Which lines of the data hold the word "IFCPOLYGONALFACESET"? Copy all of them.

..............................

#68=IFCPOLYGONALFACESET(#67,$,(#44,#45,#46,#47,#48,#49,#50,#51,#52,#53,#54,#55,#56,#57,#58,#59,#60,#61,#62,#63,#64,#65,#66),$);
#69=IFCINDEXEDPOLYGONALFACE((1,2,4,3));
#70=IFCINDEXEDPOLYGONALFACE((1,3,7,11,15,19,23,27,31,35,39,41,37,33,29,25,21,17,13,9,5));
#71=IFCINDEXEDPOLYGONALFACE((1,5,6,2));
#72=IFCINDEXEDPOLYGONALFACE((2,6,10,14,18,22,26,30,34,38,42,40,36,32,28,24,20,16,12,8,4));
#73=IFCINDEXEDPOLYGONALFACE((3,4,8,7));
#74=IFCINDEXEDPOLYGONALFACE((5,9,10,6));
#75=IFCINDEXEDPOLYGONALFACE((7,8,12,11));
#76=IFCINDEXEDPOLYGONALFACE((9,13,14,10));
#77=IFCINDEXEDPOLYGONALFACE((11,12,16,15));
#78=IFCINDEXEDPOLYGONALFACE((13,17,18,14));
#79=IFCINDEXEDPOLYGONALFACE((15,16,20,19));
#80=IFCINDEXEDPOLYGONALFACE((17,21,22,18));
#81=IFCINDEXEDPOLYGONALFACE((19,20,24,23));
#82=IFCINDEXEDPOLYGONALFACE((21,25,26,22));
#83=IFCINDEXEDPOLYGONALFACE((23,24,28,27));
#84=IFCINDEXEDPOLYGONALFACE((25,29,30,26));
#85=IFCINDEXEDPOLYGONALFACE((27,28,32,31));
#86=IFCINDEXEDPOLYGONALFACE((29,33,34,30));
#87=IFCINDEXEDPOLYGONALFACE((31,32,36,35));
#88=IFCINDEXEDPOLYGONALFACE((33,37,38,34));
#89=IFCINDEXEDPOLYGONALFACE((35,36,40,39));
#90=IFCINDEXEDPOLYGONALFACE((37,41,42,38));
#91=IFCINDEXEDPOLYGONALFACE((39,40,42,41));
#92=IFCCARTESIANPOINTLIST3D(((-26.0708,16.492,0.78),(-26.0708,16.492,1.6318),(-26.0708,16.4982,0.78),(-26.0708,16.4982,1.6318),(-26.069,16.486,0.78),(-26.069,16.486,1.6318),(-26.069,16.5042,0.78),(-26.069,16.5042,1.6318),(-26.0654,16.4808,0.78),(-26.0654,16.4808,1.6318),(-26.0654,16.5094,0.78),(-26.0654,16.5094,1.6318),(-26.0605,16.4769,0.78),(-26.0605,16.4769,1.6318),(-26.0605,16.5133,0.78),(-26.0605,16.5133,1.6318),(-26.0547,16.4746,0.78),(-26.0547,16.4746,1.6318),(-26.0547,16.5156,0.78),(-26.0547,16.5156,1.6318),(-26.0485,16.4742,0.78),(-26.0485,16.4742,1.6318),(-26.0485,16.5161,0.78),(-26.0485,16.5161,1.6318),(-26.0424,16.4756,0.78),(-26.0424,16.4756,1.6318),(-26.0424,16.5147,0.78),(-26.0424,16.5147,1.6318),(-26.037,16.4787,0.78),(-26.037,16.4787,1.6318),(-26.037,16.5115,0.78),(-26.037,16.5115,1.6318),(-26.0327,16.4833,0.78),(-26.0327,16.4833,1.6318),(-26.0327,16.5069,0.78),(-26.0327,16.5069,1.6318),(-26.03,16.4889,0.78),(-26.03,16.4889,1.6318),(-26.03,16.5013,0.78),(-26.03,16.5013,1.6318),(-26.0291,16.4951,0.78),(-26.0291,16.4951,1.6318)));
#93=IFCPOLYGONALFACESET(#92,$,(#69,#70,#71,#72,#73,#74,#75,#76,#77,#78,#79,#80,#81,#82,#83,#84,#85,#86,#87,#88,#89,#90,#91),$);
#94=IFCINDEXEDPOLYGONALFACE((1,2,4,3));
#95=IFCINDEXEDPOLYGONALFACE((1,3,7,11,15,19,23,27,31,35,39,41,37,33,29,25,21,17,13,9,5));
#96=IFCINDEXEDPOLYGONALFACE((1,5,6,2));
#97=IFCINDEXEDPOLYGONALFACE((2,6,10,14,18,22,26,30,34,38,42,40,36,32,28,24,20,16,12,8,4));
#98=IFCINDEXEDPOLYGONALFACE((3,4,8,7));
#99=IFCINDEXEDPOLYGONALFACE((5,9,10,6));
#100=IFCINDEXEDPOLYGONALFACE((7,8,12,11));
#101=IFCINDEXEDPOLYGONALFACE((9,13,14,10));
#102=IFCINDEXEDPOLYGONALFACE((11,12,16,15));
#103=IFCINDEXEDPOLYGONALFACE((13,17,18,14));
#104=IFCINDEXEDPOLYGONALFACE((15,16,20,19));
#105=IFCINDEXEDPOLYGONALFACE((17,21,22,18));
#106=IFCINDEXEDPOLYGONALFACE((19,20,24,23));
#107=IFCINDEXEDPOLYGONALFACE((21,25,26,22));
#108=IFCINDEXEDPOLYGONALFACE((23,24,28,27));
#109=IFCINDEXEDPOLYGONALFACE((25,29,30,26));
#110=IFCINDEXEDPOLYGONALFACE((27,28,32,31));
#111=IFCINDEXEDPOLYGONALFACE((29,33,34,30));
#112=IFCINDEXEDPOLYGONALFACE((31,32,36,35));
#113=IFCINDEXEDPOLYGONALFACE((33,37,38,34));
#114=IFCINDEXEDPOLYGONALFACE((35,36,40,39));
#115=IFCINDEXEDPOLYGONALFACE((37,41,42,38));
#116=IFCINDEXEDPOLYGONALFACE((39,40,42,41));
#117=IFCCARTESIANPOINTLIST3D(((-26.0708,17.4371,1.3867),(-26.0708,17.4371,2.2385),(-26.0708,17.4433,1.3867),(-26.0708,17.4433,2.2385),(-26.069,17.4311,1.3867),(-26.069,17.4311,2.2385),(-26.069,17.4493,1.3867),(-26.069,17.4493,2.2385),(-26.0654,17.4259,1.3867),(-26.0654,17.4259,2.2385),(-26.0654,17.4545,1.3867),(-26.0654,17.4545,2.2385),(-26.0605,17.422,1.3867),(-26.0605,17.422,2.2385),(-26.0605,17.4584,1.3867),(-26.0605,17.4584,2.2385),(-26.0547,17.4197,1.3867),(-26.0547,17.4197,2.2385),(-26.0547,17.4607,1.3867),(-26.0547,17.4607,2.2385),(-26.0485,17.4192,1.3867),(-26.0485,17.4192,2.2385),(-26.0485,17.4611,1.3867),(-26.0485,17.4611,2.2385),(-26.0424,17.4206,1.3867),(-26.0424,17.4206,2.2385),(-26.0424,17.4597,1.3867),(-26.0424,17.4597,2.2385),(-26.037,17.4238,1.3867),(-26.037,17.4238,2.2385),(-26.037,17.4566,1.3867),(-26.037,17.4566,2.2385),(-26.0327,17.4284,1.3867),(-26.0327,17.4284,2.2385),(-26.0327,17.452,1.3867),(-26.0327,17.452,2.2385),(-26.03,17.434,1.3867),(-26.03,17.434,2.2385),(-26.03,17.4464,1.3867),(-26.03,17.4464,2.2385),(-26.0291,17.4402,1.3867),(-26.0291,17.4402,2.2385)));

..............................

## Expected output
#68=IFCPOLYGONALFACESET(#67,$,(#44,#45,#46,#47,#48,#49,#50,#51,#52,#53,#54,#55,#56,#57,#58,#59,#60,#61,#62,#63,#64,#65,#66),$);
#93=IFCPOLYGONALFACESET(#92,$,(#69,#70,#71,#72,#73,#74,#75,#76,#77,#78,#79,#80,#81,#82,#83,#84,#85,#86,#87,#88,#89,#90,#91),$);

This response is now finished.